►

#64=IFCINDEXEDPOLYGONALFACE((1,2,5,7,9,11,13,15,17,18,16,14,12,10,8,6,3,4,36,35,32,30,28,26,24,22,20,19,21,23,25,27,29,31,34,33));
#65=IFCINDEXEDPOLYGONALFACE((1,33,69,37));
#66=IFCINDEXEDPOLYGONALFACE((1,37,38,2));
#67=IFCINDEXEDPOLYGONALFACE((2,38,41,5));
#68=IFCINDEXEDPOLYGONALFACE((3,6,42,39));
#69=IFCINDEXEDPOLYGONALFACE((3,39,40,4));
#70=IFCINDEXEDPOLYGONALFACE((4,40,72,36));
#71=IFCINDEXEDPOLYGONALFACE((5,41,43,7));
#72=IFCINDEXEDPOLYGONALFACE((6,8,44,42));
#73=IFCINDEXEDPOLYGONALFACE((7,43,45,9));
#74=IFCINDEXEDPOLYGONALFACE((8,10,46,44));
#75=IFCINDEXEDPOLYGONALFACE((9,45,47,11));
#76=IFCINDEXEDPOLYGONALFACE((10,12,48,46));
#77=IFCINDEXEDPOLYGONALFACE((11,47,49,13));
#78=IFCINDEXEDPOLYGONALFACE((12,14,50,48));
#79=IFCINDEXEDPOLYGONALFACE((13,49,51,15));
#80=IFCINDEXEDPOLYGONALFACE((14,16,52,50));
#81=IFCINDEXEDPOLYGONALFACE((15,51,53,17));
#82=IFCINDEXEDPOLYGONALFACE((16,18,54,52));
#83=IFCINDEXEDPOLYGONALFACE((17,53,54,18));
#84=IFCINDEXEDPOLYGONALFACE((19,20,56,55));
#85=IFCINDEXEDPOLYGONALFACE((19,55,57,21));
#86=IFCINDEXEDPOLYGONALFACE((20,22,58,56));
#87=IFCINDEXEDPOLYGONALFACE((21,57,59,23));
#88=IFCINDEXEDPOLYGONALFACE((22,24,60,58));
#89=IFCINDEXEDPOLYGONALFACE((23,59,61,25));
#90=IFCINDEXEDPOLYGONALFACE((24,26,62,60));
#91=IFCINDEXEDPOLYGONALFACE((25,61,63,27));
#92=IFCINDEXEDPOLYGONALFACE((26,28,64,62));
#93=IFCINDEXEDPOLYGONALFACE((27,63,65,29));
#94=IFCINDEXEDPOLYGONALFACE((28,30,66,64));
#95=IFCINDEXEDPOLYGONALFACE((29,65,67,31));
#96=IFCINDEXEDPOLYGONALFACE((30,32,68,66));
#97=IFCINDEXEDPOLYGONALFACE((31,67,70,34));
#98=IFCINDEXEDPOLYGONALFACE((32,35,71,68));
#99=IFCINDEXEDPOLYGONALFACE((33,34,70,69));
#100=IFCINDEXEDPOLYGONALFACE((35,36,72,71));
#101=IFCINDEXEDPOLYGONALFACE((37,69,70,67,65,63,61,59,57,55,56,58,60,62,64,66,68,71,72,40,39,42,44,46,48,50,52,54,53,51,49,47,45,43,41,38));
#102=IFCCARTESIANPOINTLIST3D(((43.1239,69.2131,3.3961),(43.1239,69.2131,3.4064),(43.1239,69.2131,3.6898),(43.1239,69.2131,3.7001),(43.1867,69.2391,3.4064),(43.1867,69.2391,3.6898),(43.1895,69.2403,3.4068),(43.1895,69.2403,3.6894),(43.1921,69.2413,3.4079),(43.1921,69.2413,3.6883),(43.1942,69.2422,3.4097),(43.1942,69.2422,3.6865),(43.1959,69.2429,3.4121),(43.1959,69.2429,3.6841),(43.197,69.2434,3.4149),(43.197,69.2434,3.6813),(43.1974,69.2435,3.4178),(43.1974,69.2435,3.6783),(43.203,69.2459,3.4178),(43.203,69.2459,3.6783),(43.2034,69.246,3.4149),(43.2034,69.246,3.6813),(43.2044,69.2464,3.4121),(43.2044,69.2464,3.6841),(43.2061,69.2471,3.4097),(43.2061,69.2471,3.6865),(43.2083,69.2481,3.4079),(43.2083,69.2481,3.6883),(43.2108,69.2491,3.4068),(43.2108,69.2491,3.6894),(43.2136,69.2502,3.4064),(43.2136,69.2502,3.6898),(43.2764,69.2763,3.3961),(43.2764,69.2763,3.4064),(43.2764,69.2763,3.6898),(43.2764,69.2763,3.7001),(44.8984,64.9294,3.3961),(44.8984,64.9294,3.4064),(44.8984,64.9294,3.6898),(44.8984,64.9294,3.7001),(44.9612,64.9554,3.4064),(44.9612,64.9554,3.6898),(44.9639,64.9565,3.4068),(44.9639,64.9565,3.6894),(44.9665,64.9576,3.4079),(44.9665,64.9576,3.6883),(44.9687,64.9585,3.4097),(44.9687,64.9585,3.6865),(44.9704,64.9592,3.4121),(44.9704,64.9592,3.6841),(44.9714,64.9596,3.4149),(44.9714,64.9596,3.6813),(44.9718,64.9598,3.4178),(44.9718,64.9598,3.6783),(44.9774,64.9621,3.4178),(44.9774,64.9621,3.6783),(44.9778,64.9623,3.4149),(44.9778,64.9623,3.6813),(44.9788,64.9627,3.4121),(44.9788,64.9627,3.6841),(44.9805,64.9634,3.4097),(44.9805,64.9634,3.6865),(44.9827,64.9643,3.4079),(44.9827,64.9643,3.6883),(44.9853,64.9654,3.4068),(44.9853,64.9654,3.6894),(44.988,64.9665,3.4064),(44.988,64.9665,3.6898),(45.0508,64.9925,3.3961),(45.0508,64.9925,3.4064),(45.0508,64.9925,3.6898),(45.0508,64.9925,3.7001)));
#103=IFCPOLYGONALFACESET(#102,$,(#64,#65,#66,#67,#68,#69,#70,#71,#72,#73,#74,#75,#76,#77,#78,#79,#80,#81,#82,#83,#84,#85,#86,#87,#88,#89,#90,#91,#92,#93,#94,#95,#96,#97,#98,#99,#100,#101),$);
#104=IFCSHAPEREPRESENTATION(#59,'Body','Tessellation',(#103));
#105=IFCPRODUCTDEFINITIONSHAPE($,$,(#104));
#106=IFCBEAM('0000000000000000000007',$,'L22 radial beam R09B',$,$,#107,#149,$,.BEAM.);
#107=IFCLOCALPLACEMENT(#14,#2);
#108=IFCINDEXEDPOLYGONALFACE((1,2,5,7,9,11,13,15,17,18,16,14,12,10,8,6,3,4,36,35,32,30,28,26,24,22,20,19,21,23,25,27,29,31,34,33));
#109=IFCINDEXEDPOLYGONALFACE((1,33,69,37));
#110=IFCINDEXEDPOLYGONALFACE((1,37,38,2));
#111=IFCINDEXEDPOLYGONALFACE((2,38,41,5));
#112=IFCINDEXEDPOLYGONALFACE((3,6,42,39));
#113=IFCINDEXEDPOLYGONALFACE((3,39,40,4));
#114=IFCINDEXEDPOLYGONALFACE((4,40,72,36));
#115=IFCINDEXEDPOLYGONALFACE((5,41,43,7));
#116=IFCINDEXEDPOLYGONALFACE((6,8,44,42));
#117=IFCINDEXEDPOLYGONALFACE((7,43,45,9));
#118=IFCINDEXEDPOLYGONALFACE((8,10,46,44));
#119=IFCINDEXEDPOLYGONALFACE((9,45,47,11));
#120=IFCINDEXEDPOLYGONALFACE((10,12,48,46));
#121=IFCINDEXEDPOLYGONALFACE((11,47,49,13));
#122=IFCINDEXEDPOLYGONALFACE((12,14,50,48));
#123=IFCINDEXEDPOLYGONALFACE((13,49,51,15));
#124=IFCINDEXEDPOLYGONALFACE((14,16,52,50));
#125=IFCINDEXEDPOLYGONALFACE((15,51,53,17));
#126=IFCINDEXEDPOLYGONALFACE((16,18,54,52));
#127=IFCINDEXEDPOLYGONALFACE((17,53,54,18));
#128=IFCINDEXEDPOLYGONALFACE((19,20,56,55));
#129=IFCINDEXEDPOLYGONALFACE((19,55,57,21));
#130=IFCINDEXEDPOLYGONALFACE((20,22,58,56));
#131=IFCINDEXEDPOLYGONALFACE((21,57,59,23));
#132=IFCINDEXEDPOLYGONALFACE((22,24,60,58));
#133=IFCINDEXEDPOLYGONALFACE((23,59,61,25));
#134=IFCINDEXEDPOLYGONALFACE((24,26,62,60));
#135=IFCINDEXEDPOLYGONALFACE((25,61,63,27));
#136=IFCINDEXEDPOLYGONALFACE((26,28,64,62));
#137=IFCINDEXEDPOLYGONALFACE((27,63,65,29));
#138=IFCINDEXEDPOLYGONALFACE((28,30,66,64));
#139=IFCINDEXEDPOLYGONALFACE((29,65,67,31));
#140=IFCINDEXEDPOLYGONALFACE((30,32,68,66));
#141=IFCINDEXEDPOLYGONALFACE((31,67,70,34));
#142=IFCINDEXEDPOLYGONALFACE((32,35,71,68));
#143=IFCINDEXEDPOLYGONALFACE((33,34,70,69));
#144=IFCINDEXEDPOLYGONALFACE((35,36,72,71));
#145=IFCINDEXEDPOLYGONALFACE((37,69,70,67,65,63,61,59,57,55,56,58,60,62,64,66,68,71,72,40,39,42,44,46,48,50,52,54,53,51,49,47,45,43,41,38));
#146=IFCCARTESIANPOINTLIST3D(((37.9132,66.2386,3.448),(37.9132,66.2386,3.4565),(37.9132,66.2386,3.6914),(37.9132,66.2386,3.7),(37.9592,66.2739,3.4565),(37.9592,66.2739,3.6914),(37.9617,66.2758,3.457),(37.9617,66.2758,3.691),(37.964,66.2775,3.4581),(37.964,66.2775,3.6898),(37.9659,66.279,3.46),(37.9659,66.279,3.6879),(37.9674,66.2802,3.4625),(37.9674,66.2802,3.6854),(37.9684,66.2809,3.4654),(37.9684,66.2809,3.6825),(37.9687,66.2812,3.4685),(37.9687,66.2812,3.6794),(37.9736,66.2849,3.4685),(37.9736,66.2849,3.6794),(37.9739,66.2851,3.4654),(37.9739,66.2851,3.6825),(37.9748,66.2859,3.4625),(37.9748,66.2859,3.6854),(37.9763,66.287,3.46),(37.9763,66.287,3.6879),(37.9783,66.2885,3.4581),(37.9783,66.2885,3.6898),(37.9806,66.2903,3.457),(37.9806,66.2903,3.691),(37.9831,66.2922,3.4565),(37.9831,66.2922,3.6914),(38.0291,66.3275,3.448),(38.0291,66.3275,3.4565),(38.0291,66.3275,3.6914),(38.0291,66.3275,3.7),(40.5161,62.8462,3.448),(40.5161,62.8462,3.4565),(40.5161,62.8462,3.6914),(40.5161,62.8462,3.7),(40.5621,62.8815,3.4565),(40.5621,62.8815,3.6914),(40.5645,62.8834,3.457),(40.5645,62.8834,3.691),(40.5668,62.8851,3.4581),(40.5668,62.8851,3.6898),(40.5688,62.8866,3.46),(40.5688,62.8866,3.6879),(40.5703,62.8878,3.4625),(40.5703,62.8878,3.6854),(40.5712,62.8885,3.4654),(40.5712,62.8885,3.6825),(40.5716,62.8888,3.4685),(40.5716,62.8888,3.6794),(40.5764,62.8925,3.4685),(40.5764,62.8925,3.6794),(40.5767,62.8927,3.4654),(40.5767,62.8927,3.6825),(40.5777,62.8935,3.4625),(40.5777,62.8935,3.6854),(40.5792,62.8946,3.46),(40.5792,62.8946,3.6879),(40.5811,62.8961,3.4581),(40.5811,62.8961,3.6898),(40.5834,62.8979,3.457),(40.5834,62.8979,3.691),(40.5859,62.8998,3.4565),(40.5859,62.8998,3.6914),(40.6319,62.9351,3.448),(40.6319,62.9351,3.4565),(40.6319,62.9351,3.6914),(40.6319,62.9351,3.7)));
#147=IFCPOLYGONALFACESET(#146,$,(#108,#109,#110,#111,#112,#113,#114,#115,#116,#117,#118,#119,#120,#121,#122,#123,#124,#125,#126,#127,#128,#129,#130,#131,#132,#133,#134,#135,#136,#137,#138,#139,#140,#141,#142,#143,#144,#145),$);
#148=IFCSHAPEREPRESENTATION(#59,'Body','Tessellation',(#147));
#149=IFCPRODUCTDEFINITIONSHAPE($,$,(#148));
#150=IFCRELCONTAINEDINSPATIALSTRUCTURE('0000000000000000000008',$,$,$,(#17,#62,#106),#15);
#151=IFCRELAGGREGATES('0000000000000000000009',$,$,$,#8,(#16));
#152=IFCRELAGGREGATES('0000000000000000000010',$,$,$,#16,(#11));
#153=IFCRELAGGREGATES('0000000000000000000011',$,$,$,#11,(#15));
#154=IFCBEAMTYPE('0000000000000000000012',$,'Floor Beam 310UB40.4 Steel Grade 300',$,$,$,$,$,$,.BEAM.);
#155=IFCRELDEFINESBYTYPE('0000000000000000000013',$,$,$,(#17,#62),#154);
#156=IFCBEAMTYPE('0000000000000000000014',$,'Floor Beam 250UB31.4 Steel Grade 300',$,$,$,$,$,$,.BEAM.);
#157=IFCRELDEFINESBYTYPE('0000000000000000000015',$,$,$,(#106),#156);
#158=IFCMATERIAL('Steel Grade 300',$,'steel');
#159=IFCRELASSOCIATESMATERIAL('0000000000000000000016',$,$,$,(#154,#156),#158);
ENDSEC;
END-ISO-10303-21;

◄

◆ **Exercise**: Nothing outside this range should appear: the lines from the start of the listing through the line with "#78=IFCINDEXEDPOLYGONALFACE((12,14,50,48));", each reproduced exactly, both ends included.

◆ **Answer for this exercise**:
#64=IFCINDEXEDPOLYGONALFACE((1,2,5,7,9,11,13,15,17,18,16,14,12,10,8,6,3,4,36,35,32,30,28,26,24,22,20,19,21,23,25,27,29,31,34,33));
#65=IFCINDEXEDPOLYGONALFACE((1,33,69,37));
#66=IFCINDEXEDPOLYGONALFACE((1,37,38,2));
#67=IFCINDEXEDPOLYGONALFACE((2,38,41,5));
#68=IFCINDEXEDPOLYGONALFACE((3,6,42,39));
#69=IFCINDEXEDPOLYGONALFACE((3,39,40,4));
#70=IFCINDEXEDPOLYGONALFACE((4,40,72,36));
#71=IFCINDEXEDPOLYGONALFACE((5,41,43,7));
#72=IFCINDEXEDPOLYGONALFACE((6,8,44,42));
#73=IFCINDEXEDPOLYGONALFACE((7,43,45,9));
#74=IFCINDEXEDPOLYGONALFACE((8,10,46,44));
#75=IFCINDEXEDPOLYGONALFACE((9,45,47,11));
#76=IFCINDEXEDPOLYGONALFACE((10,12,48,46));
#77=IFCINDEXEDPOLYGONALFACE((11,47,49,13));
#78=IFCINDEXEDPOLYGONALFACE((12,14,50,48));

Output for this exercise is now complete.